Dataset excerpts
···

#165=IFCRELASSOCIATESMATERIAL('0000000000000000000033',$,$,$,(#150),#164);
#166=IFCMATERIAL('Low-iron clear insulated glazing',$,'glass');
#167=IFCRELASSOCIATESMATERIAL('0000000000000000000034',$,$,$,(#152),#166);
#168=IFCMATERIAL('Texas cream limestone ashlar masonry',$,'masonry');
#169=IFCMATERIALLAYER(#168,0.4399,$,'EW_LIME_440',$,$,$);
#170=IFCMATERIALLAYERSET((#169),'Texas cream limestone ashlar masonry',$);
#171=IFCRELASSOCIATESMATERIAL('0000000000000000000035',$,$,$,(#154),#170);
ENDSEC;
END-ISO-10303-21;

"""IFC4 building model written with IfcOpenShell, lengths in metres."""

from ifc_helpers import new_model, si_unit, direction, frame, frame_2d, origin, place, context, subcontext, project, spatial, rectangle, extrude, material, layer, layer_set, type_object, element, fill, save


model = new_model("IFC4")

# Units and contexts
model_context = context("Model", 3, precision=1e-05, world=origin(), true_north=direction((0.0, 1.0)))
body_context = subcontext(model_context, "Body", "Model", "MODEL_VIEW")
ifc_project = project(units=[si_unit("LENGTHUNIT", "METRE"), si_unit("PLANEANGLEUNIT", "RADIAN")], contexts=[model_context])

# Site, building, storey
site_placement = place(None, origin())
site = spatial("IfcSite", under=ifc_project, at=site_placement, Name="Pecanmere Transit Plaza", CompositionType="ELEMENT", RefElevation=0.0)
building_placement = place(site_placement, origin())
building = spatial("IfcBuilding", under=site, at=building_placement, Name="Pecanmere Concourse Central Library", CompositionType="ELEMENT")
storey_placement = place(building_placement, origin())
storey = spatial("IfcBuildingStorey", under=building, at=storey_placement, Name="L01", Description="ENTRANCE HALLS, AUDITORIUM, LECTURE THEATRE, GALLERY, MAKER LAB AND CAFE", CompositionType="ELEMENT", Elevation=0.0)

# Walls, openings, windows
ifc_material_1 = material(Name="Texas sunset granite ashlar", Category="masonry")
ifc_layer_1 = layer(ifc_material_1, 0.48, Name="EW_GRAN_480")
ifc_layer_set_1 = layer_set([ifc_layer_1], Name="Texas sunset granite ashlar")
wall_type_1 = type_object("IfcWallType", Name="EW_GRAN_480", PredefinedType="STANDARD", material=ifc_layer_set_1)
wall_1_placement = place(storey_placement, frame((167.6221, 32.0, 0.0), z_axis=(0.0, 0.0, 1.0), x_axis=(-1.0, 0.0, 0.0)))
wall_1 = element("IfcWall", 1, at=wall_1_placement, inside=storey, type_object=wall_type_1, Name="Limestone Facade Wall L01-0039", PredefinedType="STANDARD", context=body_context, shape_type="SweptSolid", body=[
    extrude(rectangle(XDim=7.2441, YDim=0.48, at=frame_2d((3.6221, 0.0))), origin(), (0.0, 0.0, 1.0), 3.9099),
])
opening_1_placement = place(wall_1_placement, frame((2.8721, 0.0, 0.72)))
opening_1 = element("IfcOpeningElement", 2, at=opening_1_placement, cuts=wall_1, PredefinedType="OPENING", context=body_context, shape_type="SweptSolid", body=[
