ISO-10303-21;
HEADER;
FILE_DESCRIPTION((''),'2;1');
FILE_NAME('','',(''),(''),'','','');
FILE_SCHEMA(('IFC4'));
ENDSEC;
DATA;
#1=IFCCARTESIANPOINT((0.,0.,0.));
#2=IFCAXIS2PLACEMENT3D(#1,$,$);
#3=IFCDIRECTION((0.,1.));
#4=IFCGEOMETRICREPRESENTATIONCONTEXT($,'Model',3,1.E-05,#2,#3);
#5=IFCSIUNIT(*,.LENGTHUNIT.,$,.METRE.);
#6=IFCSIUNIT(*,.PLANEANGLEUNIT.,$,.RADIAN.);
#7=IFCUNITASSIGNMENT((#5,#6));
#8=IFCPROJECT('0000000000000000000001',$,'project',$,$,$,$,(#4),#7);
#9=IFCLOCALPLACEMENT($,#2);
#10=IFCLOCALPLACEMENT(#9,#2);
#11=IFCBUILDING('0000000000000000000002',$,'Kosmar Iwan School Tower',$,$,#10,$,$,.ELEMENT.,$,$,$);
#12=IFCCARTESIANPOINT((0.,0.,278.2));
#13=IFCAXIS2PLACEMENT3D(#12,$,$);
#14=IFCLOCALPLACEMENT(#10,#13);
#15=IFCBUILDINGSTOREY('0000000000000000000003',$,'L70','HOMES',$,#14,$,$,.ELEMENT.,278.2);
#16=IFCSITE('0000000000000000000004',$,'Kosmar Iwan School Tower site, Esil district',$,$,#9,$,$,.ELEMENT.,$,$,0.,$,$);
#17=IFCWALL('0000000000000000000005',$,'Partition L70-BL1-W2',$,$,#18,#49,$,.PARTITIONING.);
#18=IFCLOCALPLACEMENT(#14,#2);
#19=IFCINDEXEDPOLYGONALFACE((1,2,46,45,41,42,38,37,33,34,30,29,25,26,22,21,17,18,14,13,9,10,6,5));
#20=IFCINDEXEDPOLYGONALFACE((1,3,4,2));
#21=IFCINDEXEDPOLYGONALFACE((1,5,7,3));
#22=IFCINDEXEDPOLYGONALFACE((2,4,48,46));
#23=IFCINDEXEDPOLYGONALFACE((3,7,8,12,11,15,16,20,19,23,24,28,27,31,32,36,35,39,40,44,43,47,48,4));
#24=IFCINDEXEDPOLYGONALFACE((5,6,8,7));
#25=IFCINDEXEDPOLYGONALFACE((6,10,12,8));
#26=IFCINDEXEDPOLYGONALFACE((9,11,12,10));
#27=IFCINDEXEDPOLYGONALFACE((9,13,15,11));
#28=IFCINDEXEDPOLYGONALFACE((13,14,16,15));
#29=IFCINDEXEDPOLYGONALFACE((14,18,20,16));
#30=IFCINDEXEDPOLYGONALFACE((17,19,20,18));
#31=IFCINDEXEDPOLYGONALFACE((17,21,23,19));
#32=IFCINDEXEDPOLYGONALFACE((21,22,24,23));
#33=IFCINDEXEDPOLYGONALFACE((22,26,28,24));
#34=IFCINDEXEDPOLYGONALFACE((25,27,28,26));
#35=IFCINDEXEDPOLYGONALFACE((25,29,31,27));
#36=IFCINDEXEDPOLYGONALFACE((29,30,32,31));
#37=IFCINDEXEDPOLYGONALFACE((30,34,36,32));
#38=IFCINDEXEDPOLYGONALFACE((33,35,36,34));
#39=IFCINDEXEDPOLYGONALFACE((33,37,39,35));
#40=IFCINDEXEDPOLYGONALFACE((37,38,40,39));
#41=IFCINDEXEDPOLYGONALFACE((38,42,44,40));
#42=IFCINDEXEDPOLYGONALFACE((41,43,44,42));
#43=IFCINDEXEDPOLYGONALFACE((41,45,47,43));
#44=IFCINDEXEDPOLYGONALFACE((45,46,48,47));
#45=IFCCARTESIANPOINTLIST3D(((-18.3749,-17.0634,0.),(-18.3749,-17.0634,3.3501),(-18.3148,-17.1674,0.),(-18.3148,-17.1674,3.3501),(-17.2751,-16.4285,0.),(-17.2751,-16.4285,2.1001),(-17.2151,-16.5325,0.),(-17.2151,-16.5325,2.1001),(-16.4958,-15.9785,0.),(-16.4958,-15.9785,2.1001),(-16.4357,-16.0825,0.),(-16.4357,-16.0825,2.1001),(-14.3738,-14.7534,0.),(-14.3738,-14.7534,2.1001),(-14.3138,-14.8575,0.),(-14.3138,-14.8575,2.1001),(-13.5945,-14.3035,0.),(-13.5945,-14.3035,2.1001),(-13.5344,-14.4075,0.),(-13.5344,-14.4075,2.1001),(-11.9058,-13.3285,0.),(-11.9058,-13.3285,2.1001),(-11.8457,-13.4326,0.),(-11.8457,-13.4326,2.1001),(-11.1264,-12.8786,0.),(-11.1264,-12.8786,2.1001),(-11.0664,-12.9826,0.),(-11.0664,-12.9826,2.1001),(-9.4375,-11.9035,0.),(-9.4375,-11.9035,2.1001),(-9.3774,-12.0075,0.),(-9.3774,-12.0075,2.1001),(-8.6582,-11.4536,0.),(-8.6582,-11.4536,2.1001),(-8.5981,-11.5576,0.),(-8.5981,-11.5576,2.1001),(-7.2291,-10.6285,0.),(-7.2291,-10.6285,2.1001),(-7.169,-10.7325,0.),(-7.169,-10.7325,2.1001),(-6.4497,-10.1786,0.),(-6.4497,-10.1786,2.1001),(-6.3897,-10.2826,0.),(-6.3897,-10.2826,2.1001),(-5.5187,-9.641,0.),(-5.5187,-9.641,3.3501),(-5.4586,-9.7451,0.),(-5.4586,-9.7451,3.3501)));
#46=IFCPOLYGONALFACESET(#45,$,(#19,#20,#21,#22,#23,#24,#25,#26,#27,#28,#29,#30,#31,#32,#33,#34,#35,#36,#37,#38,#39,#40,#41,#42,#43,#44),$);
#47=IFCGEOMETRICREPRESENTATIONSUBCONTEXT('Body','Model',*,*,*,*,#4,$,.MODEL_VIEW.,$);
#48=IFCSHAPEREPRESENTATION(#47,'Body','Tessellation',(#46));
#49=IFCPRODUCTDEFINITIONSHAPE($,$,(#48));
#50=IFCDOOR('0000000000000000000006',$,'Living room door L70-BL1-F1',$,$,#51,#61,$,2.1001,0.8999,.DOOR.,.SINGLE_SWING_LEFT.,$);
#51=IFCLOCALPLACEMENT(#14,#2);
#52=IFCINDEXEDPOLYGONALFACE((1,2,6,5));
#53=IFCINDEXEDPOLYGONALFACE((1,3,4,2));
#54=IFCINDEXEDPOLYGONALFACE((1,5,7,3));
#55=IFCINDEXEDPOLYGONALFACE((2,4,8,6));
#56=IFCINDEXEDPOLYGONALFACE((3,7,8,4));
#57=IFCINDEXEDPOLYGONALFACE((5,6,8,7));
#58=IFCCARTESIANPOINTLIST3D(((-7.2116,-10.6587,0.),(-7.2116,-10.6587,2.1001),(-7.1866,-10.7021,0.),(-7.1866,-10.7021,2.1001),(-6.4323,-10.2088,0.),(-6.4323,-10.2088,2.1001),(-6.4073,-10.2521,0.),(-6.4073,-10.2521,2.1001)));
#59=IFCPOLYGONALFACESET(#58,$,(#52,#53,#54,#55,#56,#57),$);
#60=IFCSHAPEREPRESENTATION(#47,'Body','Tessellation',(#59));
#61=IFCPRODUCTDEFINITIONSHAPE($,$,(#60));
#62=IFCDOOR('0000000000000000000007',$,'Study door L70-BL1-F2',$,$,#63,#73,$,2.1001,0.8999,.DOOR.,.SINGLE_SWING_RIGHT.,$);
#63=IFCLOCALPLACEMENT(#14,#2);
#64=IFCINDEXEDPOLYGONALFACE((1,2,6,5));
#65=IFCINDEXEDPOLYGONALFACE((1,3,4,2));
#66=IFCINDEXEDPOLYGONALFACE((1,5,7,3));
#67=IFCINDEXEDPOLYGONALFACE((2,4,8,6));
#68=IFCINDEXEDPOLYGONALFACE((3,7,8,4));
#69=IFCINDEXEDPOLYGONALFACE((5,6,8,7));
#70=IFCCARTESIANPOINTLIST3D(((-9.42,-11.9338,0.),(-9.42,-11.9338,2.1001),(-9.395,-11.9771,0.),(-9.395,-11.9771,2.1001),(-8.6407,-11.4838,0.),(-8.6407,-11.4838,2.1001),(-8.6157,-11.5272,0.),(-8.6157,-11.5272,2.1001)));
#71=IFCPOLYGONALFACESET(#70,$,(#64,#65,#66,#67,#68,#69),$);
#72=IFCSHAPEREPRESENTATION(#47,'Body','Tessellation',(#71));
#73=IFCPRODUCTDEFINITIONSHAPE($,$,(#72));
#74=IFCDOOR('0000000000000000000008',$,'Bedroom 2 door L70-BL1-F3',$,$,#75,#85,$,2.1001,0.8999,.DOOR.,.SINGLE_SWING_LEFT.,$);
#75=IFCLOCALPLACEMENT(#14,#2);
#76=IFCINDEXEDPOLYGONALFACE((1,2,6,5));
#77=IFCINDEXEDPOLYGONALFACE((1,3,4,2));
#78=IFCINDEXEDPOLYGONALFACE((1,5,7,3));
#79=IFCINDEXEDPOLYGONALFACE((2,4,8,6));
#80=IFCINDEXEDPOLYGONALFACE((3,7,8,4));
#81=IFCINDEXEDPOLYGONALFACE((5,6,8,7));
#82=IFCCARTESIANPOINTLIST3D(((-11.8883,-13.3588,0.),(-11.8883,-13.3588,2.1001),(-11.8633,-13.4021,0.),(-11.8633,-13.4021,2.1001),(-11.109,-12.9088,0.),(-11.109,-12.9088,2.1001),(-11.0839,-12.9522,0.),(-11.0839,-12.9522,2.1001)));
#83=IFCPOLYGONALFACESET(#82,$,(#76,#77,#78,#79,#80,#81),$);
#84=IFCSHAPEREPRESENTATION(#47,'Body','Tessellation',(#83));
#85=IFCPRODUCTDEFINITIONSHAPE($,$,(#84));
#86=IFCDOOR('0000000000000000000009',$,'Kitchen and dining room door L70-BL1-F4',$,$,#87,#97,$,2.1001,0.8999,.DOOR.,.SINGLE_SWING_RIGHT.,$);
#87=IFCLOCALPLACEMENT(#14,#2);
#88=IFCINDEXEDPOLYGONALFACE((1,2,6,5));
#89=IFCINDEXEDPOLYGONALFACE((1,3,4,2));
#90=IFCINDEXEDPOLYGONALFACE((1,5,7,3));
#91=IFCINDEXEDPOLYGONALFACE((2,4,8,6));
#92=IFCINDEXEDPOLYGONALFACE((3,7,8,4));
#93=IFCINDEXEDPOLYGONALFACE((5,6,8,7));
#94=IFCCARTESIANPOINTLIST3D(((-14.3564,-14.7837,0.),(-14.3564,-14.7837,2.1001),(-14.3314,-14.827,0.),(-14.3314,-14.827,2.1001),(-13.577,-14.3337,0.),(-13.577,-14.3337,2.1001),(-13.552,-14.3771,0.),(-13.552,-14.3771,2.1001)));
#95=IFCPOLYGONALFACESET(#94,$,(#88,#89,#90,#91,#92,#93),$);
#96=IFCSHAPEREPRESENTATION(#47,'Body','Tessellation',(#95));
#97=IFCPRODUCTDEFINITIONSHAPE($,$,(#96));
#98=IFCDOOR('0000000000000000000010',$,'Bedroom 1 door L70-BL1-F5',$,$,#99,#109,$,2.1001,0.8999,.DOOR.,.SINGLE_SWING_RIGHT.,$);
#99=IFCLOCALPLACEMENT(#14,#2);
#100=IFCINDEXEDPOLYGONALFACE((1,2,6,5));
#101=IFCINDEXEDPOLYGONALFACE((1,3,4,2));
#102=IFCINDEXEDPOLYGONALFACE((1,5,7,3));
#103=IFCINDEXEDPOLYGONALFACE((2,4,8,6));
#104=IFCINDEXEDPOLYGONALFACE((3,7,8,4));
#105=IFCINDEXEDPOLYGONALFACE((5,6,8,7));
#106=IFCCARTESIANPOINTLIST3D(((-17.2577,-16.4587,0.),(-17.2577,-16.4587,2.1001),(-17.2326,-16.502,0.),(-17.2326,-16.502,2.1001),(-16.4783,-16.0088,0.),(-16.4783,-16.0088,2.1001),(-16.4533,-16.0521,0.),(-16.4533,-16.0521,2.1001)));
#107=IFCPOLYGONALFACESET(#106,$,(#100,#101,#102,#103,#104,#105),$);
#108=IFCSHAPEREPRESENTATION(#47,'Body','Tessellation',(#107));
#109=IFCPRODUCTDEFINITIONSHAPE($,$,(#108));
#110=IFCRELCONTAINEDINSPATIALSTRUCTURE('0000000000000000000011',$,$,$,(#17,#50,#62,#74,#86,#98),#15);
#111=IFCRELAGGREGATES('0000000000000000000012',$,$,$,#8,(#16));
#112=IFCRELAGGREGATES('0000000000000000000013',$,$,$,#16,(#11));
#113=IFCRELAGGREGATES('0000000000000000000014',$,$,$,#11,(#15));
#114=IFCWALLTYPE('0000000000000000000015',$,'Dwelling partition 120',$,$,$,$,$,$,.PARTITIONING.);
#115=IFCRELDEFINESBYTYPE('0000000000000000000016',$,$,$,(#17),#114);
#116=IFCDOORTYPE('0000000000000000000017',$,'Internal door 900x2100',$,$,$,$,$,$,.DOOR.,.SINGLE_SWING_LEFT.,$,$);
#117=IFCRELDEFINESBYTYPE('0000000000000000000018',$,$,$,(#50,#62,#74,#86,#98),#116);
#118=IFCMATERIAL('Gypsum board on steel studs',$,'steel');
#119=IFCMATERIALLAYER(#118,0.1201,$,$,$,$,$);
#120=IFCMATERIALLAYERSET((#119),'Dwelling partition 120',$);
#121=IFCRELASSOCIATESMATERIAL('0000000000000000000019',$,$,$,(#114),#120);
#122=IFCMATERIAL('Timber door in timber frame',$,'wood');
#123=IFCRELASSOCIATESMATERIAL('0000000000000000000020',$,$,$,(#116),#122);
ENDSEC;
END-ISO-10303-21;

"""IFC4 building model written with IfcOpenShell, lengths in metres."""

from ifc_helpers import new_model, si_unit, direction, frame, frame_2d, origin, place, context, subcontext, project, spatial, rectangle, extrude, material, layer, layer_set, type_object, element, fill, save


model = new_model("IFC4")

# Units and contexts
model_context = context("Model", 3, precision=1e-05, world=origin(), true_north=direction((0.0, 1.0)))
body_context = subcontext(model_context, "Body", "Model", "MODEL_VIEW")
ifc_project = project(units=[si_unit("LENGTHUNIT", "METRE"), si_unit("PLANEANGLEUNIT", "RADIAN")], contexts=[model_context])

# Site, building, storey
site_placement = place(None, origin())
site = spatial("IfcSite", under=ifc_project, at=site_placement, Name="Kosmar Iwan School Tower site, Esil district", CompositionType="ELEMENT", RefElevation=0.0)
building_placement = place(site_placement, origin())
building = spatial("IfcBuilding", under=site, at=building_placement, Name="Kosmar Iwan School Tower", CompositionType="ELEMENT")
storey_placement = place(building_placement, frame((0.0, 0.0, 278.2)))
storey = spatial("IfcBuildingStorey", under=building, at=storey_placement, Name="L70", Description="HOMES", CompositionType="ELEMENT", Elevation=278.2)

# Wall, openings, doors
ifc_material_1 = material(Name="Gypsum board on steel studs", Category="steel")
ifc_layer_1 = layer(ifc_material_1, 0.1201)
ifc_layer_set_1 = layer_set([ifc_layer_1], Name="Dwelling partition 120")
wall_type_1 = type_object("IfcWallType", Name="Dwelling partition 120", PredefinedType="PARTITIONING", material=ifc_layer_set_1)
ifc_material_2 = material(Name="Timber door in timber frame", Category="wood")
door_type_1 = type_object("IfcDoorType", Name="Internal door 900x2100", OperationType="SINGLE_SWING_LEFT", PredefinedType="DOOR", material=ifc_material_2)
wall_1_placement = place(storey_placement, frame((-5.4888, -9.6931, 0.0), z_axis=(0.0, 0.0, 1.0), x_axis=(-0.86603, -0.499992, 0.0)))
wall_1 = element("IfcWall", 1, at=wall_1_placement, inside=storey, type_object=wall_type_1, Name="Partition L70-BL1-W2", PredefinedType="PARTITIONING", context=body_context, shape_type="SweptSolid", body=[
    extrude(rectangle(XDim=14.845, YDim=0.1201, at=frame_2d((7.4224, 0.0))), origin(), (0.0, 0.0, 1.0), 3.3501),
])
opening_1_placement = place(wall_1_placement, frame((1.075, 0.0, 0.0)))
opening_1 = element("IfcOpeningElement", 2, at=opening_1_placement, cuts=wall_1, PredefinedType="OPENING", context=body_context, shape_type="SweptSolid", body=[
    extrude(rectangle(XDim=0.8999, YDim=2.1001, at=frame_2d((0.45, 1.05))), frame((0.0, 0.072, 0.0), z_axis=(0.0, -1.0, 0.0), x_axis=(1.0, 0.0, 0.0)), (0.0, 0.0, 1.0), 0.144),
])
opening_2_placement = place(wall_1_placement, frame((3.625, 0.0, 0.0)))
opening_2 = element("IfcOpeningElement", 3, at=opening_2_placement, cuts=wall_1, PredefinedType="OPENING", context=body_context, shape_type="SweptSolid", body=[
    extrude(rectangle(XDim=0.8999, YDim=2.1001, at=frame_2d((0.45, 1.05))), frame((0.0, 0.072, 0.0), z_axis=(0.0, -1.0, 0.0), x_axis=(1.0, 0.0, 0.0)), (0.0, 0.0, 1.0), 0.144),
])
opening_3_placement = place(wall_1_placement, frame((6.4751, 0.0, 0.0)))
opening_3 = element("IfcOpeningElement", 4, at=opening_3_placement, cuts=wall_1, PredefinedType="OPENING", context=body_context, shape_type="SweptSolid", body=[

···

▸ INSTRUCTIONS FOR THE TASK:
Will you return exactly the lines above from the one with "#51=IFCLOCALPLACEMENT(#14,#2);" down to the one with "#57=IFCINDEXEDPOLYGONALFACE((5,6,8,7));", counting both as part of the range?

▸ RESPONSE TO THE EXERCISE:
#51=IFCLOCALPLACEMENT(#14,#2);
#52=IFCINDEXEDPOLYGONALFACE((1,2,6,5));
#53=IFCINDEXEDPOLYGONALFACE((1,3,4,2));
#54=IFCINDEXEDPOLYGONALFACE((1,5,7,3));
#55=IFCINDEXEDPOLYGONALFACE((2,4,8,6));
#56=IFCINDEXEDPOLYGONALFACE((3,7,8,4));
#57=IFCINDEXEDPOLYGONALFACE((5,6,8,7));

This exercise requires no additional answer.